**Your task**
Scan the records below for the line with "#164=IFCMATERIALLAYERSET((#163),'Acoustic partition 200" and the line with "frame((0.0, 0.0, 7.2)))". Repeat those two lines and every line between them exactly, and nothing else.

**Collected data entries**

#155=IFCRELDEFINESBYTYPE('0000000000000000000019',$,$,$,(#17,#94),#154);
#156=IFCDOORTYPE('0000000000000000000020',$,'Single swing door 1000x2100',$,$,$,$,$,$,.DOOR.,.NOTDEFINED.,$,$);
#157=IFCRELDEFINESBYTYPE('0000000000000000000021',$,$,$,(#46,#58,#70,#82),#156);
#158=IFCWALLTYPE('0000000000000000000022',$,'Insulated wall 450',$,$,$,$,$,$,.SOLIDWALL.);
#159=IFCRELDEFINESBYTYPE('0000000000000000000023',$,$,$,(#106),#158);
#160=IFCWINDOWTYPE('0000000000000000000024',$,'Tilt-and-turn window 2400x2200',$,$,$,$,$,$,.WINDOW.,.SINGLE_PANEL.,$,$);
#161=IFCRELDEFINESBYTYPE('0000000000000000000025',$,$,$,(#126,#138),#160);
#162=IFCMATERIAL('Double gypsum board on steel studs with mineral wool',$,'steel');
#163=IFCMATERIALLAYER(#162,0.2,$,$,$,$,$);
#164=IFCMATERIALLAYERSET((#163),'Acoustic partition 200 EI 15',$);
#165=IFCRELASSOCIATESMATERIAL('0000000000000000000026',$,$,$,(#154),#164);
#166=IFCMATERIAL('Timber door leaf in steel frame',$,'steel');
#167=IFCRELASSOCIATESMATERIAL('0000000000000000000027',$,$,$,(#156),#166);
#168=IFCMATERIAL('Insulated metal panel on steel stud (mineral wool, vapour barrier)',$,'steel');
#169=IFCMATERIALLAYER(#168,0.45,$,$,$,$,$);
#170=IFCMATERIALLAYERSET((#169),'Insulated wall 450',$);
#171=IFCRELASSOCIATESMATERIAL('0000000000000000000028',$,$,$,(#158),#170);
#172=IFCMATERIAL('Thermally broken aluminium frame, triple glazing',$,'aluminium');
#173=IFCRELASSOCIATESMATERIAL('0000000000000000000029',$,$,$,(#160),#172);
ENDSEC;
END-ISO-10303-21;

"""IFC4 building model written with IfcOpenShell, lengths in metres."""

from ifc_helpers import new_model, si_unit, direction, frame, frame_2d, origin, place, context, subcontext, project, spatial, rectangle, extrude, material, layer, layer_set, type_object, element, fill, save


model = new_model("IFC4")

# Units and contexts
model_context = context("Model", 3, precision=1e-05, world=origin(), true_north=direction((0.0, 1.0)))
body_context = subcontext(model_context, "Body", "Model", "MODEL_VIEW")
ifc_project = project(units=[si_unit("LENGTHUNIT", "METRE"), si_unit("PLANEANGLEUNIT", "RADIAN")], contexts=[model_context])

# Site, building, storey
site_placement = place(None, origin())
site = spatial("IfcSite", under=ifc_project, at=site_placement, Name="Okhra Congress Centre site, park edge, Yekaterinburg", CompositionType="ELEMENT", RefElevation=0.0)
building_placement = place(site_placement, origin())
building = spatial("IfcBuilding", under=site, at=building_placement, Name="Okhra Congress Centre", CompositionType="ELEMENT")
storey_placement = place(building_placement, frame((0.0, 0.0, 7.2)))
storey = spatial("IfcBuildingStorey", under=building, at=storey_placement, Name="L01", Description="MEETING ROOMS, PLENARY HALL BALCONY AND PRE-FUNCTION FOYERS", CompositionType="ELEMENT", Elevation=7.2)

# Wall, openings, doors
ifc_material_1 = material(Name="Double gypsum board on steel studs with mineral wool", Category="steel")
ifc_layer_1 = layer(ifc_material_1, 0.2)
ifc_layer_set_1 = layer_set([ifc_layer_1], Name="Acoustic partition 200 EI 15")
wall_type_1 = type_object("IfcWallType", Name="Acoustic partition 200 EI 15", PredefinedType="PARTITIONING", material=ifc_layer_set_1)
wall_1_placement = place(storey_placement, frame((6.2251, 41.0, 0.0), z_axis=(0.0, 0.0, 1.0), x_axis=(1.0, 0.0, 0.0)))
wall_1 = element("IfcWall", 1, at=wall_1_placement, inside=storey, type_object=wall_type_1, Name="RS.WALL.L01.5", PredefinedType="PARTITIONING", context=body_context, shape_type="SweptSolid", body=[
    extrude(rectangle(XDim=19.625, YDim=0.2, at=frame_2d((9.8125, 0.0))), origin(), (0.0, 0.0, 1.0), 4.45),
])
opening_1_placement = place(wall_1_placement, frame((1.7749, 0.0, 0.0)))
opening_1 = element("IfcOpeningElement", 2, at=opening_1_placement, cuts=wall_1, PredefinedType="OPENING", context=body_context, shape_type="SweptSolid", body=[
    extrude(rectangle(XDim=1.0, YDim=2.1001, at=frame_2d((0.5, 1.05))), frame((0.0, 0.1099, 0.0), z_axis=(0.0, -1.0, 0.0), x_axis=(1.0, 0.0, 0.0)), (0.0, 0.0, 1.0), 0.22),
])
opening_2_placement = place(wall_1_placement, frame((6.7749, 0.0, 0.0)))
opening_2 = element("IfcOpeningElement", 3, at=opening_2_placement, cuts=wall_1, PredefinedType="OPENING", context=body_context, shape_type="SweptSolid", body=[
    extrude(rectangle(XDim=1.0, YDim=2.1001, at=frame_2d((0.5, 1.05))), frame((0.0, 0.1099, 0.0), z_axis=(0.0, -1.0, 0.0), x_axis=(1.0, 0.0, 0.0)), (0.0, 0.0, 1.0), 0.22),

**Task solution**
#164=IFCMATERIALLAYERSET((#163),'Acoustic partition 200 EI 15',$);
#165=IFCRELASSOCIATESMATERIAL('0000000000000000000026',$,$,$,(#154),#164);
#166=IFCMATERIAL('Timber door leaf in steel frame',$,'steel');
#167=IFCRELASSOCIATESMATERIAL('0000000000000000000027',$,$,$,(#156),#166);
#168=IFCMATERIAL('Insulated metal panel on steel stud (mineral wool, vapour barrier)',$,'steel');
#169=IFCMATERIALLAYER(#168,0.45,$,$,$,$,$);
#170=IFCMATERIALLAYERSET((#169),'Insulated wall 450',$);
#171=IFCRELASSOCIATESMATERIAL('0000000000000000000028',$,$,$,(#158),#170);
#172=IFCMATERIAL('Thermally broken aluminium frame, triple glazing',$,'aluminium');
#173=IFCRELASSOCIATESMATERIAL('0000000000000000000029',$,$,$,(#160),#172);
ENDSEC;
END-ISO-10303-21;

"""IFC4 building model written with IfcOpenShell, lengths in metres."""

from ifc_helpers import new_model, si_unit, direction, frame, frame_2d, origin, place, context, subcontext, project, spatial, rectangle, extrude, material, layer, layer_set, type_object, element, fill, save


model = new_model("IFC4")

# Units and contexts
model_context = context("Model", 3, precision=1e-05, world=origin(), true_north=direction((0.0, 1.0)))
body_context = subcontext(model_context, "Body", "Model", "MODEL_VIEW")
ifc_project = project(units=[si_unit("LENGTHUNIT", "METRE"), si_unit("PLANEANGLEUNIT", "RADIAN")], contexts=[model_context])

# Site, building, storey
site_placement = place(None, origin())
site = spatial("IfcSite", under=ifc_project, at=site_placement, Name="Okhra Congress Centre site, park edge, Yekaterinburg", CompositionType="ELEMENT", RefElevation=0.0)
building_placement = place(site_placement, origin())
building = spatial("IfcBuilding", under=site, at=building_placement, Name="Okhra Congress Centre", CompositionType="ELEMENT")
storey_placement = place(building_placement, frame((0.0, 0.0, 7.2)))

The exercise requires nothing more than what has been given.